_Your task_
Please reply with one number only: how many lines in the entries below contain the string "IFCRELAGGREGATES".

Dataset records:
-- Opening Marker --

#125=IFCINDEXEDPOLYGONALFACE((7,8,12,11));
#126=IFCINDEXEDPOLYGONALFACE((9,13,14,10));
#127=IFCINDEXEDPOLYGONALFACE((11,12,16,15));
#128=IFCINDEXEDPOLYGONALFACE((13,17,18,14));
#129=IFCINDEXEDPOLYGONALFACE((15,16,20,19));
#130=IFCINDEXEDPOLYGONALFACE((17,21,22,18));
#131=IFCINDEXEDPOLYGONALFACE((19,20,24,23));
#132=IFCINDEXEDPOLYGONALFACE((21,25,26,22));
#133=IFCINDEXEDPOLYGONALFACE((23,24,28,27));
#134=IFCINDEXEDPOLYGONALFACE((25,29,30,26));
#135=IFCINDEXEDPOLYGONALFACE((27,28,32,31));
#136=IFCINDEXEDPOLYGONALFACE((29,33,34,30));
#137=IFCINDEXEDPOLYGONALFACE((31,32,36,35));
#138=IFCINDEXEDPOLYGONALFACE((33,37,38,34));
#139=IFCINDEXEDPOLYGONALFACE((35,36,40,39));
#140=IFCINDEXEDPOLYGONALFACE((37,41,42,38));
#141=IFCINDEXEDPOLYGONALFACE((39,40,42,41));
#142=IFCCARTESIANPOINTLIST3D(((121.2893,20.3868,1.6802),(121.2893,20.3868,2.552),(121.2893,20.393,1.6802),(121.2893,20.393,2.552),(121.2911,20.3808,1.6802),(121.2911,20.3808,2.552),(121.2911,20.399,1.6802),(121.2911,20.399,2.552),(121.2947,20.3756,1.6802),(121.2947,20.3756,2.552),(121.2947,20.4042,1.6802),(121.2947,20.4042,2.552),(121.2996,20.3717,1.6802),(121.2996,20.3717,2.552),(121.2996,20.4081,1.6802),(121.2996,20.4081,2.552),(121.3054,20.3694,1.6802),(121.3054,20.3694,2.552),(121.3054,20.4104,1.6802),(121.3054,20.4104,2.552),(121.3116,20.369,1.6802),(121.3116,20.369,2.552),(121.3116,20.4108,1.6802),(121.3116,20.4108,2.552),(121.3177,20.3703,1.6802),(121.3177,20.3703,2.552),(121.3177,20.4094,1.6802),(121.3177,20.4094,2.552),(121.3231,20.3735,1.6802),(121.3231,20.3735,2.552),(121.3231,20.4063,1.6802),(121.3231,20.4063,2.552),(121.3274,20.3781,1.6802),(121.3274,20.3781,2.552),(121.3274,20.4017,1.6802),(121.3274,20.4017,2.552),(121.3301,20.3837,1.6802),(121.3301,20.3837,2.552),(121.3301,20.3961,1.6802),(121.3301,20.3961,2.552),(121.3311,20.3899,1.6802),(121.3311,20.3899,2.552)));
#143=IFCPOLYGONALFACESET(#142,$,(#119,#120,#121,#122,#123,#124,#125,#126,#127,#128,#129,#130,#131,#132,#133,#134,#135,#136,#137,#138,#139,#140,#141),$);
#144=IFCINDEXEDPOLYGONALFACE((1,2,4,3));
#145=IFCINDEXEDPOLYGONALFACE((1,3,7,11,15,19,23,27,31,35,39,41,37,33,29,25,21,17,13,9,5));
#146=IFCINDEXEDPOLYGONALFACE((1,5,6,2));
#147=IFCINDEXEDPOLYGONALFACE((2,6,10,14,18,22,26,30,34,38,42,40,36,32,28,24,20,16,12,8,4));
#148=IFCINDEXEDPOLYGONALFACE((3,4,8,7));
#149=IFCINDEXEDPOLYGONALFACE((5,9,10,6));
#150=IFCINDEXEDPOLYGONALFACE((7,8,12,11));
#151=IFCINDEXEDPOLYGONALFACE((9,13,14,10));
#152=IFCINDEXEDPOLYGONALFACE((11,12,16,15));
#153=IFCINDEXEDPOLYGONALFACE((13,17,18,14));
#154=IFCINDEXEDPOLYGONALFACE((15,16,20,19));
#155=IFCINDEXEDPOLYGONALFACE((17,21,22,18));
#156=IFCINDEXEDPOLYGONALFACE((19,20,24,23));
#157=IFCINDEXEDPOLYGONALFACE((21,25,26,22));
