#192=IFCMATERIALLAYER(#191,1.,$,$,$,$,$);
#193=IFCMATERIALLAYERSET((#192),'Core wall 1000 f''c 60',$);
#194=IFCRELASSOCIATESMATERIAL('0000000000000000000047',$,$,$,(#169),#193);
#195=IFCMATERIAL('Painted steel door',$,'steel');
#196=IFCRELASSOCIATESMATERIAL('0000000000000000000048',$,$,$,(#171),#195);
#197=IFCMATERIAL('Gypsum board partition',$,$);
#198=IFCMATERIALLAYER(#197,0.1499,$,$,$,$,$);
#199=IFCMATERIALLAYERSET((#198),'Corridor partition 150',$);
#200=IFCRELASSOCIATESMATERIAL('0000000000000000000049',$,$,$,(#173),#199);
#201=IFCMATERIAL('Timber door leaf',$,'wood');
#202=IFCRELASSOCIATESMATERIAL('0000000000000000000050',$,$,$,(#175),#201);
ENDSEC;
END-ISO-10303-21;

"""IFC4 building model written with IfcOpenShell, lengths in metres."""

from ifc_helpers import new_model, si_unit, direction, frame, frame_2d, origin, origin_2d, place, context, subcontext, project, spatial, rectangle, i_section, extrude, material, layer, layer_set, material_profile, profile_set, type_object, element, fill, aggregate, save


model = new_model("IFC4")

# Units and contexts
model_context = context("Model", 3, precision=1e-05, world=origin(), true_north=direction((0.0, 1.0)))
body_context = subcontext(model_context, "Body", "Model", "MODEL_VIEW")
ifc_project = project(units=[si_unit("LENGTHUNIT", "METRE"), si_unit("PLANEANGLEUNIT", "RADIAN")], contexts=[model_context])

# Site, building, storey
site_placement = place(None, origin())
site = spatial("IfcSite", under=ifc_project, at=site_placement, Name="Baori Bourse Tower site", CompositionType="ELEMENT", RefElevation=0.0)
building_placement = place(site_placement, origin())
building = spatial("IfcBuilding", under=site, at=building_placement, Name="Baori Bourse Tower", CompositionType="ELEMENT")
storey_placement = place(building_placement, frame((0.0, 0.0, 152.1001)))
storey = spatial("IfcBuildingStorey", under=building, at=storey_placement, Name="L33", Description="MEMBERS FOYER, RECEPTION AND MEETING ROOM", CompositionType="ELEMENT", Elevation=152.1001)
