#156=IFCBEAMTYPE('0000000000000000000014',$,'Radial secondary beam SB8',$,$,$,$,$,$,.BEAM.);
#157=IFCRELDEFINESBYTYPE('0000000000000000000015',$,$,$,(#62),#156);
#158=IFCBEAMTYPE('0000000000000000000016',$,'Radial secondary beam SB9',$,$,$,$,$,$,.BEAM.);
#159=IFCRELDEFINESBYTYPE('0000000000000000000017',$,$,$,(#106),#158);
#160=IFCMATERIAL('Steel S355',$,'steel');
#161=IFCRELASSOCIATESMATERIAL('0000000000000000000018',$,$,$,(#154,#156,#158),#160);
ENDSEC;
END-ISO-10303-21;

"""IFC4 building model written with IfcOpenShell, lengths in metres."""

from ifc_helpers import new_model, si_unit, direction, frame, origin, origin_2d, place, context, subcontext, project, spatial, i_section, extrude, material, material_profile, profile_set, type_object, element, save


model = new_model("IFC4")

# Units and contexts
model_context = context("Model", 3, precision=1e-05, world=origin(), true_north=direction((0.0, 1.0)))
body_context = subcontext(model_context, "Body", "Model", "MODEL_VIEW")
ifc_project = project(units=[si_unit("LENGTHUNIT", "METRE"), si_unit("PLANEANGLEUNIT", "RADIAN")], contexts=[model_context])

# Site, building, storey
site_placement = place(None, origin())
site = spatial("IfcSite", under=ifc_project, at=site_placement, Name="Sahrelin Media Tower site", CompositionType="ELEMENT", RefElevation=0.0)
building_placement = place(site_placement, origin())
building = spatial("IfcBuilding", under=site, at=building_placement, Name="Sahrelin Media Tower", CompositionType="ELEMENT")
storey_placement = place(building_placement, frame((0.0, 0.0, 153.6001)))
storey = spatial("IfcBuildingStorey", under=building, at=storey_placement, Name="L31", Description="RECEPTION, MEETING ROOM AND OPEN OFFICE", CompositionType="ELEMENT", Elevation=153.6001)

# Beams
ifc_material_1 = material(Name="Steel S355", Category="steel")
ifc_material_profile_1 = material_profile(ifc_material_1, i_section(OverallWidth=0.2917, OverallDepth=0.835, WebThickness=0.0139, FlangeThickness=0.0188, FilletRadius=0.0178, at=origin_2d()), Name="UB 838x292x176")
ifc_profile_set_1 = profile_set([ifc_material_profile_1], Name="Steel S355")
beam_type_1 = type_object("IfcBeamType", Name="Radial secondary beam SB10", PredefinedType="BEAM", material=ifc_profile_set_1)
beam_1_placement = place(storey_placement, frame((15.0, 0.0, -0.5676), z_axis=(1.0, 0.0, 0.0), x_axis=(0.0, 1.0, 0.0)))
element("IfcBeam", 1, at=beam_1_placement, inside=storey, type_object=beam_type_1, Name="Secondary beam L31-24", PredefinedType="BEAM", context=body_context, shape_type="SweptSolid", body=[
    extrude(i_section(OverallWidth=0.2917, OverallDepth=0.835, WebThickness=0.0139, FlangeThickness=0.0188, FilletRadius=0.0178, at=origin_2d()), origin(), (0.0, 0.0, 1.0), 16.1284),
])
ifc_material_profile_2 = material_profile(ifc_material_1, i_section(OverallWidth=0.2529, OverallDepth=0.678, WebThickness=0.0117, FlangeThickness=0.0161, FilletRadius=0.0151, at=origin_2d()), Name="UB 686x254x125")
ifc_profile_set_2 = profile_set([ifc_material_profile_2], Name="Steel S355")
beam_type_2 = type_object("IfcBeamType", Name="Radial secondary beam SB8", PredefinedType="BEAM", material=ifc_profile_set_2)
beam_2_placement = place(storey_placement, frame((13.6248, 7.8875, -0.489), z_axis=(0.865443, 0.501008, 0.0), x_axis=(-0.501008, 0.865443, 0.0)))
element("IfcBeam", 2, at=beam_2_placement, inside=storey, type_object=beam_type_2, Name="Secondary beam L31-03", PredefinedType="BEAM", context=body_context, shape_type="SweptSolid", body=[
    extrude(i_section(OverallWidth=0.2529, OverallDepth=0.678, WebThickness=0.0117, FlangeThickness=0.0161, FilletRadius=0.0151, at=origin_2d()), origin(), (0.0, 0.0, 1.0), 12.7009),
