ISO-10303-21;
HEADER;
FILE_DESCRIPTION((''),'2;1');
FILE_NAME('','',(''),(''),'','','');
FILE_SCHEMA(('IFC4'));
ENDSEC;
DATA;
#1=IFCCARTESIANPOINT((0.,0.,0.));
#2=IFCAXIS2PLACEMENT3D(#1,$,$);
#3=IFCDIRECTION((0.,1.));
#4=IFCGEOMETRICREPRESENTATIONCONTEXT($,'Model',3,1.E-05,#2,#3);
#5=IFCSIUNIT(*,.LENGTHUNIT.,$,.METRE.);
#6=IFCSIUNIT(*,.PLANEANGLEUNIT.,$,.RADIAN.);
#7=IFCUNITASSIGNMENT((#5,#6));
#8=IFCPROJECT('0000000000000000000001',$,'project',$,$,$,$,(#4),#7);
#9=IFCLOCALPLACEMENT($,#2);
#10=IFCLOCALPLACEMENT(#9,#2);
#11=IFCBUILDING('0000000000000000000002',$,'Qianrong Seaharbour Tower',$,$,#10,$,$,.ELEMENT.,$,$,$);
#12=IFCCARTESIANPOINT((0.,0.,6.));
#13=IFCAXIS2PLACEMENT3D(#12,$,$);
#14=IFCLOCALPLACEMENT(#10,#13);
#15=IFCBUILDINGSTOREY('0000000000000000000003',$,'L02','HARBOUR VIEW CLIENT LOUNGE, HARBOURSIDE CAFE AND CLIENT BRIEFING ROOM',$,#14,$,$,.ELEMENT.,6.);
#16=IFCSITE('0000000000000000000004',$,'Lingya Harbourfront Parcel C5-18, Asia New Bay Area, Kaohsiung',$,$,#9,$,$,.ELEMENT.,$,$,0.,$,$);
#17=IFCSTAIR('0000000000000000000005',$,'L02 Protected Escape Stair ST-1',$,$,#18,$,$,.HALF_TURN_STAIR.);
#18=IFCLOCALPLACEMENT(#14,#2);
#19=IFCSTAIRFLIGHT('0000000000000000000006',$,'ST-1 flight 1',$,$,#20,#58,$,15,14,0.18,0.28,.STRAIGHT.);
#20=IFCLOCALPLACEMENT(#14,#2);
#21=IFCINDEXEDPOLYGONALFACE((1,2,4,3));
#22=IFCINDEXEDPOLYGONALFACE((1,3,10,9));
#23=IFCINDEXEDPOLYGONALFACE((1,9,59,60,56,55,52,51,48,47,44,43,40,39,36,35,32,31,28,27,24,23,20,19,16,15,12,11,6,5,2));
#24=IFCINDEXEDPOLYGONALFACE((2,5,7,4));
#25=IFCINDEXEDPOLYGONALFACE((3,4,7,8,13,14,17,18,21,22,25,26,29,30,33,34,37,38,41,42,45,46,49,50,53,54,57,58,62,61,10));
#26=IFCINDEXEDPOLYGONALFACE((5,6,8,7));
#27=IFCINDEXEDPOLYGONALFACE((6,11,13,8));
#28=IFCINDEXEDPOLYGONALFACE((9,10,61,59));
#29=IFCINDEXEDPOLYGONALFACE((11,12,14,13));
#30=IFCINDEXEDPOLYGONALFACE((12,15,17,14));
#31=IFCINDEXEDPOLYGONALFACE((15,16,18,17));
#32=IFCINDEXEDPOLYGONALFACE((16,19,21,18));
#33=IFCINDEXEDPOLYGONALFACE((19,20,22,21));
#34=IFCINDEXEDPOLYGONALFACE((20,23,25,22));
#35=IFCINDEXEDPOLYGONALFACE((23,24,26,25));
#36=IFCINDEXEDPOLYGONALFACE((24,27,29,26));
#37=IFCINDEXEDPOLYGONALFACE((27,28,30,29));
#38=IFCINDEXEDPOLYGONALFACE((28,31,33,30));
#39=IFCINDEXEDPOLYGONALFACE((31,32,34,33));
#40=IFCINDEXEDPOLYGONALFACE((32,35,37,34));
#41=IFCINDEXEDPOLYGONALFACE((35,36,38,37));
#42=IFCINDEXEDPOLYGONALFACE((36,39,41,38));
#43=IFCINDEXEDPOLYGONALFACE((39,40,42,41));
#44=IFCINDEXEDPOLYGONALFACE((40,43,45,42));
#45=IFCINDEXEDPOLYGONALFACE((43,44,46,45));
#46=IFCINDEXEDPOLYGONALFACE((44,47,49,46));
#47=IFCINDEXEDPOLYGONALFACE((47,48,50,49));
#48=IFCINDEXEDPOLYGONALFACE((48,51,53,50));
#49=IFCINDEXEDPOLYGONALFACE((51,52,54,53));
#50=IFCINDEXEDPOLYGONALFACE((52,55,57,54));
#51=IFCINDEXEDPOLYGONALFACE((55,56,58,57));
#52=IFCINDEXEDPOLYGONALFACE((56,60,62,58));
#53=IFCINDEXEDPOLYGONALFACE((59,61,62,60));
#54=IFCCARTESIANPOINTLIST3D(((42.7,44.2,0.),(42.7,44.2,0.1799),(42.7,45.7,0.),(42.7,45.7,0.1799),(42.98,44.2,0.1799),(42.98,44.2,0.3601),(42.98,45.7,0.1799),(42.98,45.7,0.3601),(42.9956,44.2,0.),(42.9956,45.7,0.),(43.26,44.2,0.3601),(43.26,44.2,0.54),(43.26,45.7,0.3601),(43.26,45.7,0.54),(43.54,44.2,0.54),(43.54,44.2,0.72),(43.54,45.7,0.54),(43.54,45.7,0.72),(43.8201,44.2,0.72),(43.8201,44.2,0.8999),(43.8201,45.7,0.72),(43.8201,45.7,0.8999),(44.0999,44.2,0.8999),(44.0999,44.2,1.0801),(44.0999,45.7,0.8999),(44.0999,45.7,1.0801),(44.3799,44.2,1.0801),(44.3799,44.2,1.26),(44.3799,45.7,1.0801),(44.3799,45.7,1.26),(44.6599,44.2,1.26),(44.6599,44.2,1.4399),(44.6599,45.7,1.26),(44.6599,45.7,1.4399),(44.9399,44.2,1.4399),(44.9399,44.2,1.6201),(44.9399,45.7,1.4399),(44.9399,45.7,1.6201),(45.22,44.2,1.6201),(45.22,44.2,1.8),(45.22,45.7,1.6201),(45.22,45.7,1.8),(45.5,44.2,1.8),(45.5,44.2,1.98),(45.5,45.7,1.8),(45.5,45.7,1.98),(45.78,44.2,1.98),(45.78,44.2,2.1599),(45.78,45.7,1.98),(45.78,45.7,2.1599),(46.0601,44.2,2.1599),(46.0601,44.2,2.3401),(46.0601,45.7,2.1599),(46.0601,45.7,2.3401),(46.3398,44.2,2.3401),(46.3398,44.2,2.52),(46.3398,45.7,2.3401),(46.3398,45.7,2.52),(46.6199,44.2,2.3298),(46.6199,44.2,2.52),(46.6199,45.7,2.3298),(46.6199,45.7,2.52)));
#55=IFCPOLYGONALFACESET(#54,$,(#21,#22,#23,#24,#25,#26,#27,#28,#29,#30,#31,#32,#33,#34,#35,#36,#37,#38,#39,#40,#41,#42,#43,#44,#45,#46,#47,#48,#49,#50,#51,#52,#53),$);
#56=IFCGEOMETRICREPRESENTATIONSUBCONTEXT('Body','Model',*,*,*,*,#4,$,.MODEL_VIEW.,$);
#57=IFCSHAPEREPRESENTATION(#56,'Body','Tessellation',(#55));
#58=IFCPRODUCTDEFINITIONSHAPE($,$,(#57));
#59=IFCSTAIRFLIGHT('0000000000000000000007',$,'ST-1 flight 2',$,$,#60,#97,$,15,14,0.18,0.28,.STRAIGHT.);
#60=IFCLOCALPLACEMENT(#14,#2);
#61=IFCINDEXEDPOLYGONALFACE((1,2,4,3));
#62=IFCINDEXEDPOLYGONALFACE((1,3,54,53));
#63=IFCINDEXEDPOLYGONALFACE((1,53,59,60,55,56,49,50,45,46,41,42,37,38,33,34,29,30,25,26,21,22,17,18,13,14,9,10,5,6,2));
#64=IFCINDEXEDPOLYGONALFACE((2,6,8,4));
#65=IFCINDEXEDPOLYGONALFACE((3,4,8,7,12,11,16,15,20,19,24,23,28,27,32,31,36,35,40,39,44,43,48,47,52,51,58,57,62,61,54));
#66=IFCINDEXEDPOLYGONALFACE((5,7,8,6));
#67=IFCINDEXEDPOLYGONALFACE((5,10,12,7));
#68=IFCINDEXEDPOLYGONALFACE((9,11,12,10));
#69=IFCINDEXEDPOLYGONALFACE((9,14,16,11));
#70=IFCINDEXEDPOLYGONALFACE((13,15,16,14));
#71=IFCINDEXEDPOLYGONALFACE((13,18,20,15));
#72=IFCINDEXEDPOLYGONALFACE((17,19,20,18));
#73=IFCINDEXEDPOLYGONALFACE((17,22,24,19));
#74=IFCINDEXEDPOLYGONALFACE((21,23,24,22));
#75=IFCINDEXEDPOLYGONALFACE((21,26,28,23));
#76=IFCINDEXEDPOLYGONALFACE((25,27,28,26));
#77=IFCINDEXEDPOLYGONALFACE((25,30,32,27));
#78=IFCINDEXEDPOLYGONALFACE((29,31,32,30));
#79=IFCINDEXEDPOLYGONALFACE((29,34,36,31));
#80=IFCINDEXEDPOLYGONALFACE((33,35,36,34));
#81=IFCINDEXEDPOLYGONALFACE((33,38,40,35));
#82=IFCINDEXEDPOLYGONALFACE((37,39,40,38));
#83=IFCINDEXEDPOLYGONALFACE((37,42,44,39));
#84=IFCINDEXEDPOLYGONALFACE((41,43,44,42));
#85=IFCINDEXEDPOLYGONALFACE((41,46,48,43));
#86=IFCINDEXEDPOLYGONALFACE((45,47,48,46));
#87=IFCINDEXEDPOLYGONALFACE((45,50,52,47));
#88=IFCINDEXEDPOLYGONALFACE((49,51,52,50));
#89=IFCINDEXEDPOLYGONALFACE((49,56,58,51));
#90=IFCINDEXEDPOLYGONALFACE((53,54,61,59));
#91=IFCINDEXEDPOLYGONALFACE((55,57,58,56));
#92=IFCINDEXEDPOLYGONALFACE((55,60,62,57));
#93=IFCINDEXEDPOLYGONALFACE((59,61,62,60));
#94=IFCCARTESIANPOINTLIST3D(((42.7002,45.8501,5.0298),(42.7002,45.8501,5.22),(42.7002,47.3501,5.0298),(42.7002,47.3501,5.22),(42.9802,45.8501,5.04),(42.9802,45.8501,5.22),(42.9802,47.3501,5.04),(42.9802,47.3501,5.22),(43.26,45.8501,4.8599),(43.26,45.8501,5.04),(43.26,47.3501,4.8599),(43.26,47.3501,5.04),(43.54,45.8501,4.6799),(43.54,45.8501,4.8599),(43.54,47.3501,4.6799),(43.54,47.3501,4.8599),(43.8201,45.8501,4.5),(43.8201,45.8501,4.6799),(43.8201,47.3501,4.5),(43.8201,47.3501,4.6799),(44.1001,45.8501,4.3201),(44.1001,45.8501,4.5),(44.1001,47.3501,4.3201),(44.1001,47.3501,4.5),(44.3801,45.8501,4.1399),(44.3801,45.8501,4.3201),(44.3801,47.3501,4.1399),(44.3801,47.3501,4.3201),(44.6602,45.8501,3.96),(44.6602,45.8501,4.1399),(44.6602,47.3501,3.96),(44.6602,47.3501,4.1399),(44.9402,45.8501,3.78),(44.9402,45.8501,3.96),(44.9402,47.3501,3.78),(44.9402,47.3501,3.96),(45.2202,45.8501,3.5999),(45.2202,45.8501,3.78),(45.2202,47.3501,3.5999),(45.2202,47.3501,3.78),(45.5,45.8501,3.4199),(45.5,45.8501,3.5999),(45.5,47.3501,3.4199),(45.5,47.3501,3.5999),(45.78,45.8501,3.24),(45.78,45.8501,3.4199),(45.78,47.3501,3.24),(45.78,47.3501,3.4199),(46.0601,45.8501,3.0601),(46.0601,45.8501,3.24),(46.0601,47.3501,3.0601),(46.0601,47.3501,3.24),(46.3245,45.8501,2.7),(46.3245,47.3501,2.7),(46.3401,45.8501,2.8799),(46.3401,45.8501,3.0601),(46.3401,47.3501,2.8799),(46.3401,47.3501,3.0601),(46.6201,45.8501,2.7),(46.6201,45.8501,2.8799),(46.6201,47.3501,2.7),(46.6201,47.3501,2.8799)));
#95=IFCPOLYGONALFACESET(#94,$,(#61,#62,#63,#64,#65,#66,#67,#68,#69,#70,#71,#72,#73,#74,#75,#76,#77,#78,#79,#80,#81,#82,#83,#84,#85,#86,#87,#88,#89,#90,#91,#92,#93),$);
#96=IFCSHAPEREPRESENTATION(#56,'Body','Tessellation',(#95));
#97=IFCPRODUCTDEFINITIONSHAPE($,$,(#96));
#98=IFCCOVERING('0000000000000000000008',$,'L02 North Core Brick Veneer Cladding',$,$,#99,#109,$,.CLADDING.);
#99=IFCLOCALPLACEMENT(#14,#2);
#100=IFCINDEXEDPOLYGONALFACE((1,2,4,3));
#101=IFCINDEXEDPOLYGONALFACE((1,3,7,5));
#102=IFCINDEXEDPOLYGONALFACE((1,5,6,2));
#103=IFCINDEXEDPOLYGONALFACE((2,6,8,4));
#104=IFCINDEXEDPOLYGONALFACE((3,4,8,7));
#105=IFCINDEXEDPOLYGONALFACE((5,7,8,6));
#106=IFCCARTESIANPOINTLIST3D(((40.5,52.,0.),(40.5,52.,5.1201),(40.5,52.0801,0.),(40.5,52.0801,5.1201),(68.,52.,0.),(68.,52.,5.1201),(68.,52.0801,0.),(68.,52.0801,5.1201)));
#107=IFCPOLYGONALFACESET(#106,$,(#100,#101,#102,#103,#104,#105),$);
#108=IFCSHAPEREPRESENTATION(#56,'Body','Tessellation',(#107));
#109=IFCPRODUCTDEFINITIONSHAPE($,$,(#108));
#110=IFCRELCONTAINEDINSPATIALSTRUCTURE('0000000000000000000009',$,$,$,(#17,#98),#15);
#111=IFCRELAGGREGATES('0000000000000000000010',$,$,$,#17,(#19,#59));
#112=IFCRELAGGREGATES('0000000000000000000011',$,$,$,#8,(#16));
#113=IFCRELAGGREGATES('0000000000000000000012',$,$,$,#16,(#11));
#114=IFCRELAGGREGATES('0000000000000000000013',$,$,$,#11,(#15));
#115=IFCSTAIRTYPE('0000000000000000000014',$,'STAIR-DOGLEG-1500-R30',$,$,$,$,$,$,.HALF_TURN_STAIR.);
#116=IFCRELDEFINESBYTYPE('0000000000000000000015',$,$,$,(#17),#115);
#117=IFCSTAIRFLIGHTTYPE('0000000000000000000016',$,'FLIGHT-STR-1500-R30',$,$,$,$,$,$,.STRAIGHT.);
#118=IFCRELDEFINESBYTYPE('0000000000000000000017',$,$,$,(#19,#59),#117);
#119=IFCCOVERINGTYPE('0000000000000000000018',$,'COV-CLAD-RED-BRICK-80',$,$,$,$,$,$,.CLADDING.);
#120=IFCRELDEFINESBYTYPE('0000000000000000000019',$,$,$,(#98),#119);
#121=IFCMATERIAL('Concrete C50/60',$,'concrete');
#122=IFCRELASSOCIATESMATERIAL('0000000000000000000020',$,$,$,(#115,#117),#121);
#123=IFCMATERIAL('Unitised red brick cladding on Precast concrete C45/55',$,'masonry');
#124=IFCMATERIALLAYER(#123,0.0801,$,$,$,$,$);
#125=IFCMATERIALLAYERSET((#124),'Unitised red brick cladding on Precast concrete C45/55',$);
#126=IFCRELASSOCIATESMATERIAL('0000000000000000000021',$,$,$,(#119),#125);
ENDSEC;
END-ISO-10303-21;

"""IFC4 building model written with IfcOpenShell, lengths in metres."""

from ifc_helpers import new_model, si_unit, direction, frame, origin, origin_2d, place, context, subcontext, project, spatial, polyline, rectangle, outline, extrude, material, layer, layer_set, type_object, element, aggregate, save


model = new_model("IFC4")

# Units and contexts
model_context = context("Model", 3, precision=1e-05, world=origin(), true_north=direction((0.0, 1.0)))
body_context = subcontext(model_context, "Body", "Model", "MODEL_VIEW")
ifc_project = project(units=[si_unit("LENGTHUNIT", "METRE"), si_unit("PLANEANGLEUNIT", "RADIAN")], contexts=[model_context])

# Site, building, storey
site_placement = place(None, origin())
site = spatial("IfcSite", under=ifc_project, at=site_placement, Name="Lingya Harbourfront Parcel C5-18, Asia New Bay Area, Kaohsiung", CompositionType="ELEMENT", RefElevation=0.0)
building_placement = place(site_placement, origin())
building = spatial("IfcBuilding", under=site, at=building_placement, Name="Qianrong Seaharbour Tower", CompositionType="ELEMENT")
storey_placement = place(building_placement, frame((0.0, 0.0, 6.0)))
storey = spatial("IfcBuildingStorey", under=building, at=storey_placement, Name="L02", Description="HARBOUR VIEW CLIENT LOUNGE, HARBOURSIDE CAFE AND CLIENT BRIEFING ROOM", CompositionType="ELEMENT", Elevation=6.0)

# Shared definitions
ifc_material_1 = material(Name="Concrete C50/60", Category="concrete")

-- Closing Marker --

_Solution_
4